__Stored items__
• • • • • • •

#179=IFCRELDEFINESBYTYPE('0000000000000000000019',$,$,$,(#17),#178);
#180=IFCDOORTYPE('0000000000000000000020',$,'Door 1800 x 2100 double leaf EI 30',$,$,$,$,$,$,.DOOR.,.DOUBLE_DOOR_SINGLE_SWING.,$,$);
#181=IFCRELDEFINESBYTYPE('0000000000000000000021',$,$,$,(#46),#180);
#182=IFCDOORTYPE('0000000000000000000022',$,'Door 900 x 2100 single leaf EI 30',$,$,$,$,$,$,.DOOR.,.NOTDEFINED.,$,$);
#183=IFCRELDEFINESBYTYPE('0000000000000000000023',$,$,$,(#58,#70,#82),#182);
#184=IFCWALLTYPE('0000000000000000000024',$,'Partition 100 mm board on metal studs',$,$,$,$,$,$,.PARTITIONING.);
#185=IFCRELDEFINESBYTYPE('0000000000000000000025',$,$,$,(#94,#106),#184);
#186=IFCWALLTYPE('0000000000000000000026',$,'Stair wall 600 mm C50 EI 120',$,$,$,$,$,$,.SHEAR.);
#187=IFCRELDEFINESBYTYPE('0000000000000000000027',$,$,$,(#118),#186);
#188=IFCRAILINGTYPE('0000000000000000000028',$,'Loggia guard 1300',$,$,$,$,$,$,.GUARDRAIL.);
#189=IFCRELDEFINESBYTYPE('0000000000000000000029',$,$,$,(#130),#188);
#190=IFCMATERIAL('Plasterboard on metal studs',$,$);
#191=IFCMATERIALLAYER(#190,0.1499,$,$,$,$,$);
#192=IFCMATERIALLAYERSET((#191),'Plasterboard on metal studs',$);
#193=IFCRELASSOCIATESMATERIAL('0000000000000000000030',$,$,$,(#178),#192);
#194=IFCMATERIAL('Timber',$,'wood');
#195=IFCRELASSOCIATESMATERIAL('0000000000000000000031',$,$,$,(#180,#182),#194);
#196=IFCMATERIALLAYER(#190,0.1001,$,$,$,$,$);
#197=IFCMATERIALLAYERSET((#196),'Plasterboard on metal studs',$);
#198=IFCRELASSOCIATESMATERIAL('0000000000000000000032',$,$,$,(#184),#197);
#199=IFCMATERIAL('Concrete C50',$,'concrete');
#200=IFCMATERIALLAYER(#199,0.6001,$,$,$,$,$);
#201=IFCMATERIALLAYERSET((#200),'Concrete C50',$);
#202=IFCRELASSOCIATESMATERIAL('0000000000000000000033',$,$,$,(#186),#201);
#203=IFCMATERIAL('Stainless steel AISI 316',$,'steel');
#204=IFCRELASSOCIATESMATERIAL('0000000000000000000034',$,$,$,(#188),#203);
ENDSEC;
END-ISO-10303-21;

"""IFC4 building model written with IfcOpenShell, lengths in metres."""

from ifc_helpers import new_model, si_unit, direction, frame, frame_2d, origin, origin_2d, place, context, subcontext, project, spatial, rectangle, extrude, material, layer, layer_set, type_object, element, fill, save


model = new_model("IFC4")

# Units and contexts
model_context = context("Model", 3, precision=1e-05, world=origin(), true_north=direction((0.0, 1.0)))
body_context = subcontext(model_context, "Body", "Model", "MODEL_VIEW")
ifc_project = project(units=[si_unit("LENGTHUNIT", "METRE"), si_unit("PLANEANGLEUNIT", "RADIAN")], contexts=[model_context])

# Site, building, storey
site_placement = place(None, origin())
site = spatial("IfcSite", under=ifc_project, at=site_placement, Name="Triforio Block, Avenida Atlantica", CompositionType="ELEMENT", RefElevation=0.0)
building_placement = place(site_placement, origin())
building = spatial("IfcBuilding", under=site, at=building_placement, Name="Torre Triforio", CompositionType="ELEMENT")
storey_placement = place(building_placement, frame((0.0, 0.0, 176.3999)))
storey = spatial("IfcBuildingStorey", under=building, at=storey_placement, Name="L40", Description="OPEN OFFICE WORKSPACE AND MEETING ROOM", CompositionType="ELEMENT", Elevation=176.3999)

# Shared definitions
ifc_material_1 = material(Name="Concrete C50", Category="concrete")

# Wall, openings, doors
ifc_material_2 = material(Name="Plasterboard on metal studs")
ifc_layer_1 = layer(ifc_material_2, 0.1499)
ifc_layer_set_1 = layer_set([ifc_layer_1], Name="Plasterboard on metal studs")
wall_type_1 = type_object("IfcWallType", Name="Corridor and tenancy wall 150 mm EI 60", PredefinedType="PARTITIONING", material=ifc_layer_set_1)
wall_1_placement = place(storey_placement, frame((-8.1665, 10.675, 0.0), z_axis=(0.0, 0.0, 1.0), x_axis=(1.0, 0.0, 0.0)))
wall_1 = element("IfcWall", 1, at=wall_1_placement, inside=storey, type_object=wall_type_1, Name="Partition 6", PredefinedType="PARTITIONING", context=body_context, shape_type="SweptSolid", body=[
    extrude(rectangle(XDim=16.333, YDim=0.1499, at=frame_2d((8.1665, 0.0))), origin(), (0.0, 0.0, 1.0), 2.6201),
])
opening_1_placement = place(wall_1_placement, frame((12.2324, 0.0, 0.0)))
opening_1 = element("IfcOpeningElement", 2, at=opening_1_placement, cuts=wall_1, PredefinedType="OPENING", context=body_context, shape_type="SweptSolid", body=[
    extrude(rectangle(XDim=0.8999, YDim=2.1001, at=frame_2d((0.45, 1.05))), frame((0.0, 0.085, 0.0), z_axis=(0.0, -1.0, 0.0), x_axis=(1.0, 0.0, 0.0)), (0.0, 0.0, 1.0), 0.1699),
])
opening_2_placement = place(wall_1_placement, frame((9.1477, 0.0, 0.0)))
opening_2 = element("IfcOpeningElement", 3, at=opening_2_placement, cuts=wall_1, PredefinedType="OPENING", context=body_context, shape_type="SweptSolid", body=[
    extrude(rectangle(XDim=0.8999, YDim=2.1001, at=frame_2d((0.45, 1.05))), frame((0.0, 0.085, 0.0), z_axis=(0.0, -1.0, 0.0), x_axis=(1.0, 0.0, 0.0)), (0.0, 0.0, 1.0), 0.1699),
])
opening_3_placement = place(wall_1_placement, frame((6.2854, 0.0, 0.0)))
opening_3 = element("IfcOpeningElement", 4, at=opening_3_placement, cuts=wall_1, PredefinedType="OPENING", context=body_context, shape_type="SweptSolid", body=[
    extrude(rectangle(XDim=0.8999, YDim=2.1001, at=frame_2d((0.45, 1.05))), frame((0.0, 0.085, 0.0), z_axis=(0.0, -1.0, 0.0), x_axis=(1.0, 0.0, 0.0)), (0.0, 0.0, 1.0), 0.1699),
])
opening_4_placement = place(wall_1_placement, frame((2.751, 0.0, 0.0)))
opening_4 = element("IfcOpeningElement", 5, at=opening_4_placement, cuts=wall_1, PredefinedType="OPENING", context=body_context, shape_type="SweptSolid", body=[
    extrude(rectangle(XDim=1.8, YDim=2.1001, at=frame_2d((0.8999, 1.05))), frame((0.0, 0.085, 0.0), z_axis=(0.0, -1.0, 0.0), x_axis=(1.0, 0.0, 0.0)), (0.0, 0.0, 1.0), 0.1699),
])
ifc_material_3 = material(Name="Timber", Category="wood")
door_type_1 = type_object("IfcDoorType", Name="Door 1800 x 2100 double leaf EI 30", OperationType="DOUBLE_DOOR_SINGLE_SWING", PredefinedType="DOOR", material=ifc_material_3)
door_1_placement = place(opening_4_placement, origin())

• • • • • • •

__EXERCISE DIRECTIONS__
A verbatim transcription of all the entries above is required.

__EXERCISE OUTPUT__
#179=IFCRELDEFINESBYTYPE('0000000000000000000019',$,$,$,(#17),#178);
#180=IFCDOORTYPE('0000000000000000000020',$,'Door 1800 x 2100 double leaf EI 30',$,$,$,$,$,$,.DOOR.,.DOUBLE_DOOR_SINGLE_SWING.,$,$);
#181=IFCRELDEFINESBYTYPE('0000000000000000000021',$,$,$,(#46),#180);
#182=IFCDOORTYPE('0000000000000000000022',$,'Door 900 x 2100 single leaf EI 30',$,$,$,$,$,$,.DOOR.,.NOTDEFINED.,$,$);
#183=IFCRELDEFINESBYTYPE('0000000000000000000023',$,$,$,(#58,#70,#82),#182);
#184=IFCWALLTYPE('0000000000000000000024',$,'Partition 100 mm board on metal studs',$,$,$,$,$,$,.PARTITIONING.);
#185=IFCRELDEFINESBYTYPE('0000000000000000000025',$,$,$,(#94,#106),#184);
#186=IFCWALLTYPE('0000000000000000000026',$,'Stair wall 600 mm C50 EI 120',$,$,$,$,$,$,.SHEAR.);
#187=IFCRELDEFINESBYTYPE('0000000000000000000027',$,$,$,(#118),#186);
#188=IFCRAILINGTYPE('0000000000000000000028',$,'Loggia guard 1300',$,$,$,$,$,$,.GUARDRAIL.);
#189=IFCRELDEFINESBYTYPE('0000000000000000000029',$,$,$,(#130),#188);
#190=IFCMATERIAL('Plasterboard on metal studs',$,$);
#191=IFCMATERIALLAYER(#190,0.1499,$,$,$,$,$);
#192=IFCMATERIALLAYERSET((#191),'Plasterboard on metal studs',$);
#193=IFCRELASSOCIATESMATERIAL('0000000000000000000030',$,$,$,(#178),#192);
#194=IFCMATERIAL('Timber',$,'wood');
#195=IFCRELASSOCIATESMATERIAL('0000000000000000000031',$,$,$,(#180,#182),#194);
#196=IFCMATERIALLAYER(#190,0.1001,$,$,$,$,$);
#197=IFCMATERIALLAYERSET((#196),'Plasterboard on metal studs',$);
#198=IFCRELASSOCIATESMATERIAL('0000000000000000000032',$,$,$,(#184),#197);
#199=IFCMATERIAL('Concrete C50',$,'concrete');
#200=IFCMATERIALLAYER(#199,0.6001,$,$,$,$,$);
#201=IFCMATERIALLAYERSET((#200),'Concrete C50',$);
#202=IFCRELASSOCIATESMATERIAL('0000000000000000000033',$,$,$,(#186),#201);
#203=IFCMATERIAL('Stainless steel AISI 316',$,'steel');
#204=IFCRELASSOCIATESMATERIAL('0000000000000000000034',$,$,$,(#188),#203);
ENDSEC;
END-ISO-10303-21;

"""IFC4 building model written with IfcOpenShell, lengths in metres."""

from ifc_helpers import new_model, si_unit, direction, frame, frame_2d, origin, origin_2d, place, context, subcontext, project, spatial, rectangle, extrude, material, layer, layer_set, type_object, element, fill, save


model = new_model("IFC4")

# Units and contexts
model_context = context("Model", 3, precision=1e-05, world=origin(), true_north=direction((0.0, 1.0)))
body_context = subcontext(model_context, "Body", "Model", "MODEL_VIEW")
ifc_project = project(units=[si_unit("LENGTHUNIT", "METRE"), si_unit("PLANEANGLEUNIT", "RADIAN")], contexts=[model_context])

# Site, building, storey
site_placement = place(None, origin())
site = spatial("IfcSite", under=ifc_project, at=site_placement, Name="Triforio Block, Avenida Atlantica", CompositionType="ELEMENT", RefElevation=0.0)
building_placement = place(site_placement, origin())
building = spatial("IfcBuilding", under=site, at=building_placement, Name="Torre Triforio", CompositionType="ELEMENT")
storey_placement = place(building_placement, frame((0.0, 0.0, 176.3999)))
storey = spatial("IfcBuildingStorey", under=building, at=storey_placement, Name="L40", Description="OPEN OFFICE WORKSPACE AND MEETING ROOM", CompositionType="ELEMENT", Elevation=176.3999)

# Shared definitions
ifc_material_1 = material(Name="Concrete C50", Category="concrete")

# Wall, openings, doors
ifc_material_2 = material(Name="Plasterboard on metal studs")
ifc_layer_1 = layer(ifc_material_2, 0.1499)
ifc_layer_set_1 = layer_set([ifc_layer_1], Name="Plasterboard on metal studs")
wall_type_1 = type_object("IfcWallType", Name="Corridor and tenancy wall 150 mm EI 60", PredefinedType="PARTITIONING", material=ifc_layer_set_1)
wall_1_placement = place(storey_placement, frame((-8.1665, 10.675, 0.0), z_axis=(0.0, 0.0, 1.0), x_axis=(1.0, 0.0, 0.0)))
wall_1 = element("IfcWall", 1, at=wall_1_placement, inside=storey, type_object=wall_type_1, Name="Partition 6", PredefinedType="PARTITIONING", context=body_context, shape_type="SweptSolid", body=[
    extrude(rectangle(XDim=16.333, YDim=0.1499, at=frame_2d((8.1665, 0.0))), origin(), (0.0, 0.0, 1.0), 2.6201),
])
opening_1_placement = place(wall_1_placement, frame((12.2324, 0.0, 0.0)))
opening_1 = element("IfcOpeningElement", 2, at=opening_1_placement, cuts=wall_1, PredefinedType="OPENING", context=body_context, shape_type="SweptSolid", body=[
    extrude(rectangle(XDim=0.8999, YDim=2.1001, at=frame_2d((0.45, 1.05))), frame((0.0, 0.085, 0.0), z_axis=(0.0, -1.0, 0.0), x_axis=(1.0, 0.0, 0.0)), (0.0, 0.0, 1.0), 0.1699),
])
opening_2_placement = place(wall_1_placement, frame((9.1477, 0.0, 0.0)))
opening_2 = element("IfcOpeningElement", 3, at=opening_2_placement, cuts=wall_1, PredefinedType="OPENING", context=body_context, shape_type="SweptSolid", body=[
    extrude(rectangle(XDim=0.8999, YDim=2.1001, at=frame_2d((0.45, 1.05))), frame((0.0, 0.085, 0.0), z_axis=(0.0, -1.0, 0.0), x_axis=(1.0, 0.0, 0.0)), (0.0, 0.0, 1.0), 0.1699),
])
opening_3_placement = place(wall_1_placement, frame((6.2854, 0.0, 0.0)))
opening_3 = element("IfcOpeningElement", 4, at=opening_3_placement, cuts=wall_1, PredefinedType="OPENING", context=body_context, shape_type="SweptSolid", body=[
    extrude(rectangle(XDim=0.8999, YDim=2.1001, at=frame_2d((0.45, 1.05))), frame((0.0, 0.085, 0.0), z_axis=(0.0, -1.0, 0.0), x_axis=(1.0, 0.0, 0.0)), (0.0, 0.0, 1.0), 0.1699),
])
opening_4_placement = place(wall_1_placement, frame((2.751, 0.0, 0.0)))
opening_4 = element("IfcOpeningElement", 5, at=opening_4_placement, cuts=wall_1, PredefinedType="OPENING", context=body_context, shape_type="SweptSolid", body=[
    extrude(rectangle(XDim=1.8, YDim=2.1001, at=frame_2d((0.8999, 1.05))), frame((0.0, 0.085, 0.0), z_axis=(0.0, -1.0, 0.0), x_axis=(1.0, 0.0, 0.0)), (0.0, 0.0, 1.0), 0.1699),
])
ifc_material_3 = material(Name="Timber", Category="wood")
door_type_1 = type_object("IfcDoorType", Name="Door 1800 x 2100 double leaf EI 30", OperationType="DOUBLE_DOOR_SINGLE_SWING", PredefinedType="DOOR", material=ifc_material_3)
door_1_placement = place(opening_4_placement, origin())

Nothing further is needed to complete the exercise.